◆ Extracted records:
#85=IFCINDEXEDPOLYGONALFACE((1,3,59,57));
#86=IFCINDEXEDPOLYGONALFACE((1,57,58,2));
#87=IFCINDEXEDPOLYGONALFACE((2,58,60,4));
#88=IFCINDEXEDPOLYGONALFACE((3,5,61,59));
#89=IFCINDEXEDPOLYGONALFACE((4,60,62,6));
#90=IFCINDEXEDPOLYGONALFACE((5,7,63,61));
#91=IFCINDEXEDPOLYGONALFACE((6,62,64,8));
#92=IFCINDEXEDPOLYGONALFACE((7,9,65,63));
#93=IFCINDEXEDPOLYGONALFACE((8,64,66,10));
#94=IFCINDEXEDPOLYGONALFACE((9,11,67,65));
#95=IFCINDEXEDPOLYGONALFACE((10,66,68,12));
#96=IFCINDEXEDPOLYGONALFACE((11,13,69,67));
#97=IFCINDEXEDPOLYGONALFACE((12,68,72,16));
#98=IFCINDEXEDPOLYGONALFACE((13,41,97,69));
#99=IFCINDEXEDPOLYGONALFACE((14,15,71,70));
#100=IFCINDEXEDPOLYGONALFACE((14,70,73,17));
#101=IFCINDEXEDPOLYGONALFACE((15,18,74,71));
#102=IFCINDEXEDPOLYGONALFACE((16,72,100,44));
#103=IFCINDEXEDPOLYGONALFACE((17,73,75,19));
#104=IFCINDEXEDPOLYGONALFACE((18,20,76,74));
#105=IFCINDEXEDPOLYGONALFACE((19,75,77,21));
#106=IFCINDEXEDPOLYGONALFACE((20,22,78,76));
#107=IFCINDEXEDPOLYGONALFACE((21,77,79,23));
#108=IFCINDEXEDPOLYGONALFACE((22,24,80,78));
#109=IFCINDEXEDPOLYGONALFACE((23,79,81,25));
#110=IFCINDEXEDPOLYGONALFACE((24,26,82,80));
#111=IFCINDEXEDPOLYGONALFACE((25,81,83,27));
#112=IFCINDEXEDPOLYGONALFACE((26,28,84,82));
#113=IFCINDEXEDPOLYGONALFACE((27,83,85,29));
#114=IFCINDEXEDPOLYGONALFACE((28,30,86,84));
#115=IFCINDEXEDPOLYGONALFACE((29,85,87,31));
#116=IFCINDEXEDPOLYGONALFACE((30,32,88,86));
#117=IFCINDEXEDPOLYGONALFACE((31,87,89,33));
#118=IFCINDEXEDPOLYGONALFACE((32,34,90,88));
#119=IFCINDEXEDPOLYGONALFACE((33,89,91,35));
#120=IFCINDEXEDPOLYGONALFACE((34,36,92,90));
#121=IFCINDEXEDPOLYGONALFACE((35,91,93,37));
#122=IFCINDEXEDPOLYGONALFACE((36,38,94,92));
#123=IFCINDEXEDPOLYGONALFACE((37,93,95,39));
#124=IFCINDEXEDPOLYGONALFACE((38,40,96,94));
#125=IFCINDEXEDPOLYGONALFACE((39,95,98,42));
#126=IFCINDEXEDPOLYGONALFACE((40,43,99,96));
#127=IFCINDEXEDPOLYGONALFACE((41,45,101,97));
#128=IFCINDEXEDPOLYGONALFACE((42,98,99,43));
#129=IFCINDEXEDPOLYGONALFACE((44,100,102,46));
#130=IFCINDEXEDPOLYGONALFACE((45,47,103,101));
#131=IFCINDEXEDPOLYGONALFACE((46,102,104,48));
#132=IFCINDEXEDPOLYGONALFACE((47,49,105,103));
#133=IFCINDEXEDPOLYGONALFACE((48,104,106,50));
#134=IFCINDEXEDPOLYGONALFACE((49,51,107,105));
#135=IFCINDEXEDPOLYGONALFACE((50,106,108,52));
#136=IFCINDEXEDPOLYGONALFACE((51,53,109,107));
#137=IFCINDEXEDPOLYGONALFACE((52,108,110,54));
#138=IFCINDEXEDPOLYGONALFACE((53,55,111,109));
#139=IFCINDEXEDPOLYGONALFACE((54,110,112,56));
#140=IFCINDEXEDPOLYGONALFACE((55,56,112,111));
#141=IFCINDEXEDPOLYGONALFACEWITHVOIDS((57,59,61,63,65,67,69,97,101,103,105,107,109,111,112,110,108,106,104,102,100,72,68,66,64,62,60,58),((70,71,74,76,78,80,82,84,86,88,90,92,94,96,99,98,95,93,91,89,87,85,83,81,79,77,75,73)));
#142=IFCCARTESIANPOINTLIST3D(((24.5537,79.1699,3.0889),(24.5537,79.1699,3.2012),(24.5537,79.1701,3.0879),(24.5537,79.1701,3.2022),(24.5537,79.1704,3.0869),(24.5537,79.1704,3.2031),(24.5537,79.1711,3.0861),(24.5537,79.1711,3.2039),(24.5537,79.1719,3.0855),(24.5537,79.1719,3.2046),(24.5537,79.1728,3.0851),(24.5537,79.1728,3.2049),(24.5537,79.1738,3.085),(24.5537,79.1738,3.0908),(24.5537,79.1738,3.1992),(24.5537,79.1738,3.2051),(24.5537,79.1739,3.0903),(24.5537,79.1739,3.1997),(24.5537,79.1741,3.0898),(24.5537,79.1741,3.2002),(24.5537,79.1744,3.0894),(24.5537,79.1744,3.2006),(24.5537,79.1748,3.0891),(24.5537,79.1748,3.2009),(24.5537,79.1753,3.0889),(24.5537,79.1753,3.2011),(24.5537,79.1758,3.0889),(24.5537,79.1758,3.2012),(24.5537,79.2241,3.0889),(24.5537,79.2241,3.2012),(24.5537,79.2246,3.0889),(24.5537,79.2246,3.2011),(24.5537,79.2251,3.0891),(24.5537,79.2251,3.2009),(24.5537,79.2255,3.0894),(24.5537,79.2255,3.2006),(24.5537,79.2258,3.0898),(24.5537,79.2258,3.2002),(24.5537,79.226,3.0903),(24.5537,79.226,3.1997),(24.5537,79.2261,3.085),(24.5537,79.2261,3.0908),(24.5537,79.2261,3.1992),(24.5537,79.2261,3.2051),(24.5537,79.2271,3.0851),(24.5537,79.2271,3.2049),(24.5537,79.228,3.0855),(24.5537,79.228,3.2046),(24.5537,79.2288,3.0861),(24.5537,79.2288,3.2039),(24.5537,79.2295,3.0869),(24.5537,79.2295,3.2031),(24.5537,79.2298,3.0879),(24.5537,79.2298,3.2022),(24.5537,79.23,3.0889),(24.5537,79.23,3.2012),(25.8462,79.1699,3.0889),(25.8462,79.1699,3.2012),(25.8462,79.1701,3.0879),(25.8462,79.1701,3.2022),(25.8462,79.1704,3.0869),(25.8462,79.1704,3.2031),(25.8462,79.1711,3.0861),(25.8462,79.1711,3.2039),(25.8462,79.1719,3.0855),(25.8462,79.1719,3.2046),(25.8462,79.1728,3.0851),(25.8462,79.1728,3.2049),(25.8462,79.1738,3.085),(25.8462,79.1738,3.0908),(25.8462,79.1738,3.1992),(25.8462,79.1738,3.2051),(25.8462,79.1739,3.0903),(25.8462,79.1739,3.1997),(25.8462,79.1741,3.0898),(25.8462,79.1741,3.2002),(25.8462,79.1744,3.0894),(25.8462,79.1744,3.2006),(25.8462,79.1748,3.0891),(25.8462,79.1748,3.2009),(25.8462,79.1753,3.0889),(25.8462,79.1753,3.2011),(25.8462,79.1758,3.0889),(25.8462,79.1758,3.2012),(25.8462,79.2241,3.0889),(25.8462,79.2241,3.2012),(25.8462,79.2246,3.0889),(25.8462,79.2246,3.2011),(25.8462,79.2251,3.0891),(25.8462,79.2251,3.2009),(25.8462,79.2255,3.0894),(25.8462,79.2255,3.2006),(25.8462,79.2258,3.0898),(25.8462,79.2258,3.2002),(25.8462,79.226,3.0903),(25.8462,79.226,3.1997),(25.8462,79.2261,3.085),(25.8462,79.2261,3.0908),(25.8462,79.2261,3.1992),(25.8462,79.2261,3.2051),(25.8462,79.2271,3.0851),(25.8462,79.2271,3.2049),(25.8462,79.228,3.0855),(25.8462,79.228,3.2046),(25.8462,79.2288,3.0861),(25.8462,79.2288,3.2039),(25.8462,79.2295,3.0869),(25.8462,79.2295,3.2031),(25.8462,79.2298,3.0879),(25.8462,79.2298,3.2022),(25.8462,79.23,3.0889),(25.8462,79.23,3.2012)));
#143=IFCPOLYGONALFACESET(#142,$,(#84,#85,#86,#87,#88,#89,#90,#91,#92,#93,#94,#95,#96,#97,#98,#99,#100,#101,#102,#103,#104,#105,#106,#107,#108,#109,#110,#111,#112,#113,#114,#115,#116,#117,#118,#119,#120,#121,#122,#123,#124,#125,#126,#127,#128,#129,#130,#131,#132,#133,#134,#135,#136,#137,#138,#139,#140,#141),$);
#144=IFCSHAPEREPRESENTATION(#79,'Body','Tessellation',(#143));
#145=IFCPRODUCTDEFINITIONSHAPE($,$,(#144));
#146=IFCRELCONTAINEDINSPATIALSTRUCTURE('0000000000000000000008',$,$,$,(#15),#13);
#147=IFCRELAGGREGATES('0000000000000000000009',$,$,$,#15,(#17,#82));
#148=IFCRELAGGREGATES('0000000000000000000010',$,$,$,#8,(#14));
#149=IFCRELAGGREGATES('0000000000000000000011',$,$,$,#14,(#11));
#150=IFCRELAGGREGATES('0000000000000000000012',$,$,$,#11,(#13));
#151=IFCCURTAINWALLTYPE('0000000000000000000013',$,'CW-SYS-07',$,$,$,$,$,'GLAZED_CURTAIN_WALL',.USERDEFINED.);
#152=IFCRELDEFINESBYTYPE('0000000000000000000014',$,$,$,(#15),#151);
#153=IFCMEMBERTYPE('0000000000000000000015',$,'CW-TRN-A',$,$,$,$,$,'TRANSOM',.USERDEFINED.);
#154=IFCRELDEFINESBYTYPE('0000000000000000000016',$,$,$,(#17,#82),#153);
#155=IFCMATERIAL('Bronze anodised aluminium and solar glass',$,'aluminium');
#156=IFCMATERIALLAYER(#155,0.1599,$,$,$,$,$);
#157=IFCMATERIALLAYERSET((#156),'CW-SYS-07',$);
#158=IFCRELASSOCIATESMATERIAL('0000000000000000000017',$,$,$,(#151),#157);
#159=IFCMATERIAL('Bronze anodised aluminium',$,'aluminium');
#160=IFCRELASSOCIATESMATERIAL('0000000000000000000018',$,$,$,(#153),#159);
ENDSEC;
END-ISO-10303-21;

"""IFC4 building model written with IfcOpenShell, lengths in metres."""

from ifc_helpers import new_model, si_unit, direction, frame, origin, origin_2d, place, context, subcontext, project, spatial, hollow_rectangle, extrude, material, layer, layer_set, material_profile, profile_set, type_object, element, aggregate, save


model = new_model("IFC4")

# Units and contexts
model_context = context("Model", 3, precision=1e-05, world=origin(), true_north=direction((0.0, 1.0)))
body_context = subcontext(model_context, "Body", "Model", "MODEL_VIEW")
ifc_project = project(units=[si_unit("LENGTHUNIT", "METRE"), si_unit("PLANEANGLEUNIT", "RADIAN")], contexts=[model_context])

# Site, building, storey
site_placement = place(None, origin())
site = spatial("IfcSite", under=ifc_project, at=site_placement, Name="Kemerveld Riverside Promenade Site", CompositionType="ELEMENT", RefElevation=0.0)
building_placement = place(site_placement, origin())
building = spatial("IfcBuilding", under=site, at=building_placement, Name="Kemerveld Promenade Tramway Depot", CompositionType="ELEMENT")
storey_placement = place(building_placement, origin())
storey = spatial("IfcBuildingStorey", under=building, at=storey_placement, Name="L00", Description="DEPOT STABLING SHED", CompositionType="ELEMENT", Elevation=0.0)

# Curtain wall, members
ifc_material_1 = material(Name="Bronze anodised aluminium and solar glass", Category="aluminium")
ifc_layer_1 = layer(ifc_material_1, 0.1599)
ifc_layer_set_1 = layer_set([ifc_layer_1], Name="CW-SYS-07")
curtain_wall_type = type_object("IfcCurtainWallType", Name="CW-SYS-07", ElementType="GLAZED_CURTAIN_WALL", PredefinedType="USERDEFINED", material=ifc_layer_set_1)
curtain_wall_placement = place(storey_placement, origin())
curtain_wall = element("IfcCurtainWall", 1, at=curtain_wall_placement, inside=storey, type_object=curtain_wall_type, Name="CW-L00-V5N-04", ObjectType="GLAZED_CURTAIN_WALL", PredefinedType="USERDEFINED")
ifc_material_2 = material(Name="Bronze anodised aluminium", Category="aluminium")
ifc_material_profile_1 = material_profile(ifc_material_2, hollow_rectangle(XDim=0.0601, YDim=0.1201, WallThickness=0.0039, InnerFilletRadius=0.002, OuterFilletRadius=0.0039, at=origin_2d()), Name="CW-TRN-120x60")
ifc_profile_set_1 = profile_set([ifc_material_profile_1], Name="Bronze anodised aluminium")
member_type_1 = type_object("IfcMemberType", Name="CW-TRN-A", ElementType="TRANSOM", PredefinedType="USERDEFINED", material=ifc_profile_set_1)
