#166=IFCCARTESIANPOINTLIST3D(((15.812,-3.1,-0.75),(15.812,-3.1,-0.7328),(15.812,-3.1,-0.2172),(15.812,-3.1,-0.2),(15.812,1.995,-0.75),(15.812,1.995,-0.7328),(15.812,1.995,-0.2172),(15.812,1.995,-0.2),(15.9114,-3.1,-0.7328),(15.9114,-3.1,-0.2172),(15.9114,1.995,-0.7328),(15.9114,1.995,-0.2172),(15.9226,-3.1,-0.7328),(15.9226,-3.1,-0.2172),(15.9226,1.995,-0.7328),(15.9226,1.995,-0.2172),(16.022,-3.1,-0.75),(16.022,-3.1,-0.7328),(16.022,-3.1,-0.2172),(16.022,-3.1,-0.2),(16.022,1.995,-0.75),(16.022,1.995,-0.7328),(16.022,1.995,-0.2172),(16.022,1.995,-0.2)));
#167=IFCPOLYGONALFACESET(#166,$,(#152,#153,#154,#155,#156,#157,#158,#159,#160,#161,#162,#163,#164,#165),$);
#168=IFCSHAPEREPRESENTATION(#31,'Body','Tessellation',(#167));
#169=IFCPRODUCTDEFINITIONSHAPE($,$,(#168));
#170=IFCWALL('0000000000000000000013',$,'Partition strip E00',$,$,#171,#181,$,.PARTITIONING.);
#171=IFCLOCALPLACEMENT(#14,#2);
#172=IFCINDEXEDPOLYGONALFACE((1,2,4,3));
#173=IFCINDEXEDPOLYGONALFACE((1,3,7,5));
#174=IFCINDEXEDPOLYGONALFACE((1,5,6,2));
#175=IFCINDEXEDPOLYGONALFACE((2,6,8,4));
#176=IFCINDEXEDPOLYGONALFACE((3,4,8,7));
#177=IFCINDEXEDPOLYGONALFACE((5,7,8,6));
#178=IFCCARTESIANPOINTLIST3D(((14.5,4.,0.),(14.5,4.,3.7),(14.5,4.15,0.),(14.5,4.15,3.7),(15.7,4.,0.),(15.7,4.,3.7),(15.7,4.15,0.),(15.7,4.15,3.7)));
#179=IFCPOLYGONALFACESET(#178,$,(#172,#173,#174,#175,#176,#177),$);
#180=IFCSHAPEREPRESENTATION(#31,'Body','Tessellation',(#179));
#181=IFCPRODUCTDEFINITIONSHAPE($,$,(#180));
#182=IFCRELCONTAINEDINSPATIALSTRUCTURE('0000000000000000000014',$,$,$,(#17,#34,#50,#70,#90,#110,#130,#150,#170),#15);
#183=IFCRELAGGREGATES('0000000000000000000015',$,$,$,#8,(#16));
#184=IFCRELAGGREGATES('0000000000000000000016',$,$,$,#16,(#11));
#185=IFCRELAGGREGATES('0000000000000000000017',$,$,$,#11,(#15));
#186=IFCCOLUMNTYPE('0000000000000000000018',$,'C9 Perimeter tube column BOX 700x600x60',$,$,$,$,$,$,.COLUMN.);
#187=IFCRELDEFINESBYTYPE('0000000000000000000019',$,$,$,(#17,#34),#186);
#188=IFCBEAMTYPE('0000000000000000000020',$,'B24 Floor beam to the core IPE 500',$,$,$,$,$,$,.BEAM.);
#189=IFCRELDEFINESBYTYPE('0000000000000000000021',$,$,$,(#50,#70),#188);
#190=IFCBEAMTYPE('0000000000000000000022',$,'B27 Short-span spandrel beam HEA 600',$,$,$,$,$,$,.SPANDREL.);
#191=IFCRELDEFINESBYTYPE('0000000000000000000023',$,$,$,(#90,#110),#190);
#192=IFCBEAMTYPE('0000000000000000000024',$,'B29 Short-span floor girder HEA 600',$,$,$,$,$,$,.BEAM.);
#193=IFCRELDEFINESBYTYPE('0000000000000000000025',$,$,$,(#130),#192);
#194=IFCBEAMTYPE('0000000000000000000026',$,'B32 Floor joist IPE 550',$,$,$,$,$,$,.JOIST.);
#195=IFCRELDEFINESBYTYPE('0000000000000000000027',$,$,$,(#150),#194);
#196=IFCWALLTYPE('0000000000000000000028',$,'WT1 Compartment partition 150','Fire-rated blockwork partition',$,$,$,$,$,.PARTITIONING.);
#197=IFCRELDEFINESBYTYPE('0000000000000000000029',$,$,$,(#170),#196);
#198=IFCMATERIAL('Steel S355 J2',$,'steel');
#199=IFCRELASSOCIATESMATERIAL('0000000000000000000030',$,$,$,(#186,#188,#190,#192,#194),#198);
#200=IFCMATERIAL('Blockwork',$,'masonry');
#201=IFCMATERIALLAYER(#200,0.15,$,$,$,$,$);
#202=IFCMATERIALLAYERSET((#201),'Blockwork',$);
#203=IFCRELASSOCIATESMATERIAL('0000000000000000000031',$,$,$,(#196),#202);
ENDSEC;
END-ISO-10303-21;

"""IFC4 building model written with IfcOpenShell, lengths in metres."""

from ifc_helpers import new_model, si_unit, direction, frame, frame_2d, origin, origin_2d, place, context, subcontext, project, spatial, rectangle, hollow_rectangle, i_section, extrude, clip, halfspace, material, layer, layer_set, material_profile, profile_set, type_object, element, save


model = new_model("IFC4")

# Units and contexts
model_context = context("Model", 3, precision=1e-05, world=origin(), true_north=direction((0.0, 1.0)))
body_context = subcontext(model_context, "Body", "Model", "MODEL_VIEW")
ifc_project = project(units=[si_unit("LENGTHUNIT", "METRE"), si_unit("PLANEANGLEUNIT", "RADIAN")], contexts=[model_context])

◆ Your instructions:
Take from the listing above each line containing "Bronze".

◆ Answer box:
#155=IFCMATERIAL('Bronze anodised aluminium and solar glass',$,'aluminium');
#159=IFCMATERIAL('Bronze anodised aluminium',$,'aluminium');
ifc_material_1 = material(Name="Bronze anodised aluminium and solar glass", Category="aluminium")
ifc_material_2 = material(Name="Bronze anodised aluminium", Category="aluminium")
ifc_profile_set_1 = profile_set([ifc_material_profile_1], Name="Bronze anodised aluminium")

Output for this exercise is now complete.